=== Begin Enclosure ===
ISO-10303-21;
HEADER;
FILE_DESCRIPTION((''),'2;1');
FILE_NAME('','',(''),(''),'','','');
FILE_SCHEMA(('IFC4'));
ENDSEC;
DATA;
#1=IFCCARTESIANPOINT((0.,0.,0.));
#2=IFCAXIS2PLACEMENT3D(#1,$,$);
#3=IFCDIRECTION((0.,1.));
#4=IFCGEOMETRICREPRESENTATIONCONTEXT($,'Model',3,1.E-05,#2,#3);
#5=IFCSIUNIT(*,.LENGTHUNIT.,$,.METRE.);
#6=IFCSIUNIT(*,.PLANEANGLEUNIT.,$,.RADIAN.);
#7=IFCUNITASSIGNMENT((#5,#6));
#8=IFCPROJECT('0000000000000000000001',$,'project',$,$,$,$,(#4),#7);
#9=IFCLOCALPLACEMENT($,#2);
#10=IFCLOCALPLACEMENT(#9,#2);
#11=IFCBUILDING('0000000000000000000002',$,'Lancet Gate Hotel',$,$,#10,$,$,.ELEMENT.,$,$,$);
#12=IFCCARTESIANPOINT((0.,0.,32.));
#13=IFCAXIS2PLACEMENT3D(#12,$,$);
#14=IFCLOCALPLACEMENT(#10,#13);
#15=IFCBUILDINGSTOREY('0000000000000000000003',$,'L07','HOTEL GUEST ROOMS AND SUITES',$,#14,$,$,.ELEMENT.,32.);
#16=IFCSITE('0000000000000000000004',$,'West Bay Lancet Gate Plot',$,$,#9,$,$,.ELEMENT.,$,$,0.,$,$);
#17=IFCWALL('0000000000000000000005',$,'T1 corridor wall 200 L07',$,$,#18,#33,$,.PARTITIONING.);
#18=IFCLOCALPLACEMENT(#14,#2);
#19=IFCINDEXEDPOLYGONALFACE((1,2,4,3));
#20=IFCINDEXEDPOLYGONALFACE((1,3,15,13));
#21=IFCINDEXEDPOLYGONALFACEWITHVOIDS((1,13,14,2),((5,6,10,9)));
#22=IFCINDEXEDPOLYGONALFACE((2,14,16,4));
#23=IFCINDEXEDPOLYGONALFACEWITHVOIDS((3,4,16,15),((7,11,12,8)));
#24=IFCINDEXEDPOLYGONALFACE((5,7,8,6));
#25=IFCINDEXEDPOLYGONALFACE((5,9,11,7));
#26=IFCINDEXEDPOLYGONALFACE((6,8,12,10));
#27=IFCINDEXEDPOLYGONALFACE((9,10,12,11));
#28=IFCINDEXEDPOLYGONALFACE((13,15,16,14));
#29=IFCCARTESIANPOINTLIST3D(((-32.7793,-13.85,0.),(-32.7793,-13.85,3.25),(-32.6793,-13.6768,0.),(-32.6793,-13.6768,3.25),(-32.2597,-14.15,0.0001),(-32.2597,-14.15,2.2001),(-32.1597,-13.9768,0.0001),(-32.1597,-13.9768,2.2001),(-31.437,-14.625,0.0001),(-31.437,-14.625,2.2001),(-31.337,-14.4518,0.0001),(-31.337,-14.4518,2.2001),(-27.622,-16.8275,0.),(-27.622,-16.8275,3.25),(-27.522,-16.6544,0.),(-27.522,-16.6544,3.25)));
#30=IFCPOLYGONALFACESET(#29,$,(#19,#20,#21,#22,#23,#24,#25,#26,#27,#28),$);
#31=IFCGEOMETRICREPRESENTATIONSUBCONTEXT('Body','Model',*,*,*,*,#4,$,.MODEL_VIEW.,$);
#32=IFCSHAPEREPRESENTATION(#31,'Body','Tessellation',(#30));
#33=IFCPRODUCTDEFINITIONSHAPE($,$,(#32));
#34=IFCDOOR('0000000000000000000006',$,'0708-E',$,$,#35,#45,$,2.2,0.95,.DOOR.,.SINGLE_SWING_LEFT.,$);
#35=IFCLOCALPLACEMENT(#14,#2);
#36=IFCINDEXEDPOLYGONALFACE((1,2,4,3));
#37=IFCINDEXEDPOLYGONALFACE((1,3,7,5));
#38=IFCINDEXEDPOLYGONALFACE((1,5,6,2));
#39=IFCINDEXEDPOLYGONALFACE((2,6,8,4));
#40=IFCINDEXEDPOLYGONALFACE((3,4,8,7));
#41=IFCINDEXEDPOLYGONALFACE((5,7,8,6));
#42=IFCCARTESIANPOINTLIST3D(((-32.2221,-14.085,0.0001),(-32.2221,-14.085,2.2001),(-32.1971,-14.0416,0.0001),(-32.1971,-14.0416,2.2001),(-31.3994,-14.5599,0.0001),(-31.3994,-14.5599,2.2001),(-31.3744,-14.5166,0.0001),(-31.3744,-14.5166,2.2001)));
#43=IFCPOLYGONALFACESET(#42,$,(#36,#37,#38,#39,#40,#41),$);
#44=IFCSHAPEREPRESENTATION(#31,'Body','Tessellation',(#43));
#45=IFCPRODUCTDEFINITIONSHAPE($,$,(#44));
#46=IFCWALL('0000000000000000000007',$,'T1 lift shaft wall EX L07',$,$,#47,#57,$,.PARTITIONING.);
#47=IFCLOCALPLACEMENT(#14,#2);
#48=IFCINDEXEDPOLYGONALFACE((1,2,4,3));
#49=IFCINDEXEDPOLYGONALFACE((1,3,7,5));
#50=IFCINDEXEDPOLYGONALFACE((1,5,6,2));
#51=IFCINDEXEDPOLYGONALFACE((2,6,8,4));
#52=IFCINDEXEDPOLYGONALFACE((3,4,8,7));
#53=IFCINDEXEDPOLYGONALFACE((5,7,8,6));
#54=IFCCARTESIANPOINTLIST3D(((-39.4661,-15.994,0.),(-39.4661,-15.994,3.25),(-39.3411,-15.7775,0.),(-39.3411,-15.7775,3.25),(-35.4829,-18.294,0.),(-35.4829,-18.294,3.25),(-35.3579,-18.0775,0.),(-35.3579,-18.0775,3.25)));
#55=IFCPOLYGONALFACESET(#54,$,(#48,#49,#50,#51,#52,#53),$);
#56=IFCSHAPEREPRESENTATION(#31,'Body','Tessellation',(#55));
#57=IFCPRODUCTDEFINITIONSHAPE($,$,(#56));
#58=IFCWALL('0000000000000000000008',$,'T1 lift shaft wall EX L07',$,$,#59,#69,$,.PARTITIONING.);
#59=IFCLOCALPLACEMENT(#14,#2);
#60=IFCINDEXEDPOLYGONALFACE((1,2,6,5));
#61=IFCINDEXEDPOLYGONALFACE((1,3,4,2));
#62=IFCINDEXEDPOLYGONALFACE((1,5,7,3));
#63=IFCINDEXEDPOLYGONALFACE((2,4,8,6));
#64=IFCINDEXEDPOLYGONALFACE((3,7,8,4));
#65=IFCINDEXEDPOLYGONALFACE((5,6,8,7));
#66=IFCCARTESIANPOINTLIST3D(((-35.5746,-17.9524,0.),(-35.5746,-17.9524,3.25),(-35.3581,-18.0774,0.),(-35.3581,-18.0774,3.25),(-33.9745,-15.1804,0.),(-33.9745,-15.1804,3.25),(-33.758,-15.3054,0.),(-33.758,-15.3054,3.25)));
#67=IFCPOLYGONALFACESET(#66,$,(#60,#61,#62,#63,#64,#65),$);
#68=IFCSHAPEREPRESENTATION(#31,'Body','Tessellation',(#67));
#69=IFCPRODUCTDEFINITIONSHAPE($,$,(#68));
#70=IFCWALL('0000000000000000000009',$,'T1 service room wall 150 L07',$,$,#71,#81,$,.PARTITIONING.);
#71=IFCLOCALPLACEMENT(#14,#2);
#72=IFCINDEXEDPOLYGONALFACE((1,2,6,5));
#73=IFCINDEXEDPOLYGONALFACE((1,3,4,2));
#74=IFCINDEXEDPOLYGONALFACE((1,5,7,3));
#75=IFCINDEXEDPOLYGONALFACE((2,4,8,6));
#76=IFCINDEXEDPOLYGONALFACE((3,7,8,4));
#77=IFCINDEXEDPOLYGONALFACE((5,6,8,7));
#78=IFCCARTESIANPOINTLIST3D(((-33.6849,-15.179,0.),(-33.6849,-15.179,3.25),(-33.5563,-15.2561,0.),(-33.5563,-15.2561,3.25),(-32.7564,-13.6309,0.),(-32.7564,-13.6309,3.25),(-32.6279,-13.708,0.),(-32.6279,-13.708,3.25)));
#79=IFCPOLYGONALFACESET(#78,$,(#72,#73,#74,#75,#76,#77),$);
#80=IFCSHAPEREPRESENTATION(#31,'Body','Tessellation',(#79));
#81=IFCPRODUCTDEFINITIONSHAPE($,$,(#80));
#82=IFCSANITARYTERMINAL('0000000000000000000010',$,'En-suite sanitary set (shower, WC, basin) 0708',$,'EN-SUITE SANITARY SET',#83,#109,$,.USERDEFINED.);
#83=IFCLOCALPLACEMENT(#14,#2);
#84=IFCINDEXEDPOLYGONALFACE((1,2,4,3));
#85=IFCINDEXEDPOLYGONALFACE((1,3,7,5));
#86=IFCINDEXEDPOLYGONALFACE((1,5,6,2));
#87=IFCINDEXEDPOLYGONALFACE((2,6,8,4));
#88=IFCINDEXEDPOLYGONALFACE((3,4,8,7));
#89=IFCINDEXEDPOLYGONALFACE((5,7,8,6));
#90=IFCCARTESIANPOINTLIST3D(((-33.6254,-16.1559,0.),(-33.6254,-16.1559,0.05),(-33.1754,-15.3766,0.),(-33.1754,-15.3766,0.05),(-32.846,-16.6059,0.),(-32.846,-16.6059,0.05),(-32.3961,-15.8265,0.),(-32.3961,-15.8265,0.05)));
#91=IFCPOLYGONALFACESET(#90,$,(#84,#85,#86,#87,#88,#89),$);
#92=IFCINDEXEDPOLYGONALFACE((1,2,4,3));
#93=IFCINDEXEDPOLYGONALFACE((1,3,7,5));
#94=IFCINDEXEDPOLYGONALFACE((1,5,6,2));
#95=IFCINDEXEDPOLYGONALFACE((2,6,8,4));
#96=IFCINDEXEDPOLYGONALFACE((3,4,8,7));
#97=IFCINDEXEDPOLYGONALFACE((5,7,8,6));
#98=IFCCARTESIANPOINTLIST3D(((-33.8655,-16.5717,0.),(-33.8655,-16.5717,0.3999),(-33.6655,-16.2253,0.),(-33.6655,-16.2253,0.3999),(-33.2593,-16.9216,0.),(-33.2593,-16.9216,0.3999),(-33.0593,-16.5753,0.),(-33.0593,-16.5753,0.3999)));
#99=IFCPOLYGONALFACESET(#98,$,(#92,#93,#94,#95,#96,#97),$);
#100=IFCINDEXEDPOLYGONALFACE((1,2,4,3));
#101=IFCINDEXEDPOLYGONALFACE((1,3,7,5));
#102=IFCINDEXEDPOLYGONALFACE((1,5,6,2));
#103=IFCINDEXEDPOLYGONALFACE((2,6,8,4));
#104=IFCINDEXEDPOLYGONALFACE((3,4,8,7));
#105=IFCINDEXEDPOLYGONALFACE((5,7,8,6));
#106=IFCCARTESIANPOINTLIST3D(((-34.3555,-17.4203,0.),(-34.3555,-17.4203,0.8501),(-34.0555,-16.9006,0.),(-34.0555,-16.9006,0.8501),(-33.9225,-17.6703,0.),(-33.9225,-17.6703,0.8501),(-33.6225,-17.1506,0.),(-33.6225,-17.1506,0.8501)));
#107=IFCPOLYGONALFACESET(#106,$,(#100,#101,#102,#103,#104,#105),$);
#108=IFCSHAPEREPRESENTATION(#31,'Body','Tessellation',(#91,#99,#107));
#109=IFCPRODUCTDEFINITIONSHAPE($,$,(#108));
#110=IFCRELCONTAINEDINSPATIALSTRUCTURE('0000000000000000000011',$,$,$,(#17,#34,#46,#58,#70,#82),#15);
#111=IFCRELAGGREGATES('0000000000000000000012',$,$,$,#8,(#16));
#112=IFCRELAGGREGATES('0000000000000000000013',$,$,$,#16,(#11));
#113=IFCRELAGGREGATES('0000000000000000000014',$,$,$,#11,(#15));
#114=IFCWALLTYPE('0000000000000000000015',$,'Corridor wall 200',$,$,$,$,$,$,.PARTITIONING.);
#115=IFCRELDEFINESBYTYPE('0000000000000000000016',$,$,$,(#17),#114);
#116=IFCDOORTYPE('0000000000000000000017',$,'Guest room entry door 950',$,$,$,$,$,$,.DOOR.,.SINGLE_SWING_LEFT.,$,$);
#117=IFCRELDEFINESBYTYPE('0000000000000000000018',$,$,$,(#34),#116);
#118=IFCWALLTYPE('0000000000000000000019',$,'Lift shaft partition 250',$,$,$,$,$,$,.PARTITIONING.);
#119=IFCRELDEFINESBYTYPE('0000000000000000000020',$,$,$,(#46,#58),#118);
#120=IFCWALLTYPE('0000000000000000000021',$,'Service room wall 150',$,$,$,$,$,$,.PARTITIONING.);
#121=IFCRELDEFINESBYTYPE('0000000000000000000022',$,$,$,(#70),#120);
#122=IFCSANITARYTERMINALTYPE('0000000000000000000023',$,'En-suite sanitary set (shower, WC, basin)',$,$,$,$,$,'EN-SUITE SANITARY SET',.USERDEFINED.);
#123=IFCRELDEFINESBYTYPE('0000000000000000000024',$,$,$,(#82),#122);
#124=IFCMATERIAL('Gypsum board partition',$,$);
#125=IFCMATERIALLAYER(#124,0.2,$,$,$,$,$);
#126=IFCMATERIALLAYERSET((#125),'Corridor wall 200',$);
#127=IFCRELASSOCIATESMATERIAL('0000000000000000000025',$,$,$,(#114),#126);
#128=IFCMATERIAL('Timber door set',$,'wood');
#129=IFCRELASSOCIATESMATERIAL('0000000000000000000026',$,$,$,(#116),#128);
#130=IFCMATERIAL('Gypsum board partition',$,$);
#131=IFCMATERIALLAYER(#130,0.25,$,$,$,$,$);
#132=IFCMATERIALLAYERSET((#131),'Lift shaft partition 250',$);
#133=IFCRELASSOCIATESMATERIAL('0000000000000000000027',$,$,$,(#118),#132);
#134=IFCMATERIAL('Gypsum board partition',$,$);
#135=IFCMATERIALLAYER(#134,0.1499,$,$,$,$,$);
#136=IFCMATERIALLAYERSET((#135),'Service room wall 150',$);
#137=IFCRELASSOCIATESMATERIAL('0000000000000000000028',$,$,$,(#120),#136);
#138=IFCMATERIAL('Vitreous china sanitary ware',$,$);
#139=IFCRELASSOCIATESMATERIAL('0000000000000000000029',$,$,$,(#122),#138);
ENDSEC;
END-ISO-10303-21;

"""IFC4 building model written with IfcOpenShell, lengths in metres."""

from ifc_helpers import new_model, si_unit, direction, frame, frame_2d, origin, origin_2d, place, context, subcontext, project, spatial, rectangle, extrude, material, layer, layer_set, type_object, element, fill, save


model = new_model("IFC4")

# Units and contexts
model_context = context("Model", 3, precision=1e-05, world=origin(), true_north=direction((0.0, 1.0)))
body_context = subcontext(model_context, "Body", "Model", "MODEL_VIEW")
ifc_project = project(units=[si_unit("LENGTHUNIT", "METRE"), si_unit("PLANEANGLEUNIT", "RADIAN")], contexts=[model_context])

# Site, building, storey
site_placement = place(None, origin())
site = spatial("IfcSite", under=ifc_project, at=site_placement, Name="West Bay Lancet Gate Plot", CompositionType="ELEMENT", RefElevation=0.0)
building_placement = place(site_placement, origin())
building = spatial("IfcBuilding", under=site, at=building_placement, Name="Lancet Gate Hotel", CompositionType="ELEMENT")
storey_placement = place(building_placement, frame((0.0, 0.0, 32.0)))
storey = spatial("IfcBuildingStorey", under=building, at=storey_placement, Name="L07", Description="HOTEL GUEST ROOMS AND SUITES", CompositionType="ELEMENT", Elevation=32.0)

# Wall, opening, door
ifc_material_1 = material(Name="Gypsum board partition")
ifc_layer_1 = layer(ifc_material_1, 0.2)
ifc_layer_set_1 = layer_set([ifc_layer_1], Name="Corridor wall 200")
wall_type_1 = type_object("IfcWallType", Name="Corridor wall 200", PredefinedType="PARTITIONING", material=ifc_layer_set_1)
wall_1_placement = place(storey_placement, frame((-27.572, -16.741, 0.0), z_axis=(0.0, 0.0, 1.0), x_axis=(-0.866024, 0.500002, 0.0)))
wall_1 = element("IfcWall", 1, at=wall_1_placement, inside=storey, type_object=wall_type_1, Name="T1 corridor wall 200 L07", PredefinedType="PARTITIONING", context=body_context, shape_type="SweptSolid", body=[
    extrude(rectangle(XDim=5.9551, YDim=0.2, at=frame_2d((2.9775, 0.0))), origin(), (0.0, 0.0, 1.0), 3.25),
])
opening_1_placement = place(wall_1_placement, frame((4.405, 0.0, 0.0)))
opening_1 = element("IfcOpeningElement", 2, at=opening_1_placement, cuts=wall_1, PredefinedType="OPENING", context=body_context, shape_type="SweptSolid", body=[
    extrude(rectangle(XDim=0.95, YDim=2.2, at=frame_2d((0.4751, 1.1001))), frame((0.0, 0.1099, 0.0), z_axis=(0.0, -1.0, 0.0), x_axis=(1.0, 0.0, 0.0)), (0.0, 0.0, 1.0), 0.22),
])
ifc_material_2 = material(Name="Timber door set", Category="wood")
door_type_1 = type_object("IfcDoorType", Name="Guest room entry door 950", OperationType="SINGLE_SWING_LEFT", PredefinedType="DOOR", material=ifc_material_2)
door_1_placement = place(opening_1_placement, origin())
door_1 = element("IfcDoor", 3, at=door_1_placement, inside=storey, type_object=door_type_1, Name="0708-E", OperationType="SINGLE_SWING_LEFT", OverallHeight=2.2, OverallWidth=0.95, PredefinedType="DOOR", context=body_context, shape_type="SweptSolid", body=[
=== End Enclosure ===
▶ Your objective
Your answer must be the lines above, unchanged, from the first one through the line that holds "#20=IFCINDEXEDPOLYGONALFACE((1,3,15,13));", inclusive, and no others.

▶ Task answer
ISO-10303-21;
HEADER;
FILE_DESCRIPTION((''),'2;1');
FILE_NAME('','',(''),(''),'','','');
FILE_SCHEMA(('IFC4'));
ENDSEC;
DATA;
#1=IFCCARTESIANPOINT((0.,0.,0.));
#2=IFCAXIS2PLACEMENT3D(#1,$,$);
#3=IFCDIRECTION((0.,1.));
#4=IFCGEOMETRICREPRESENTATIONCONTEXT($,'Model',3,1.E-05,#2,#3);
#5=IFCSIUNIT(*,.LENGTHUNIT.,$,.METRE.);
#6=IFCSIUNIT(*,.PLANEANGLEUNIT.,$,.RADIAN.);
#7=IFCUNITASSIGNMENT((#5,#6));
#8=IFCPROJECT('0000000000000000000001',$,'project',$,$,$,$,(#4),#7);
#9=IFCLOCALPLACEMENT($,#2);
#10=IFCLOCALPLACEMENT(#9,#2);
#11=IFCBUILDING('0000000000000000000002',$,'Lancet Gate Hotel',$,$,#10,$,$,.ELEMENT.,$,$,$);
#12=IFCCARTESIANPOINT((0.,0.,32.));
#13=IFCAXIS2PLACEMENT3D(#12,$,$);
#14=IFCLOCALPLACEMENT(#10,#13);
#15=IFCBUILDINGSTOREY('0000000000000000000003',$,'L07','HOTEL GUEST ROOMS AND SUITES',$,#14,$,$,.ELEMENT.,32.);
#16=IFCSITE('0000000000000000000004',$,'West Bay Lancet Gate Plot',$,$,#9,$,$,.ELEMENT.,$,$,0.,$,$);
#17=IFCWALL('0000000000000000000005',$,'T1 corridor wall 200 L07',$,$,#18,#33,$,.PARTITIONING.);
#18=IFCLOCALPLACEMENT(#14,#2);
#19=IFCINDEXEDPOLYGONALFACE((1,2,4,3));
#20=IFCINDEXEDPOLYGONALFACE((1,3,15,13));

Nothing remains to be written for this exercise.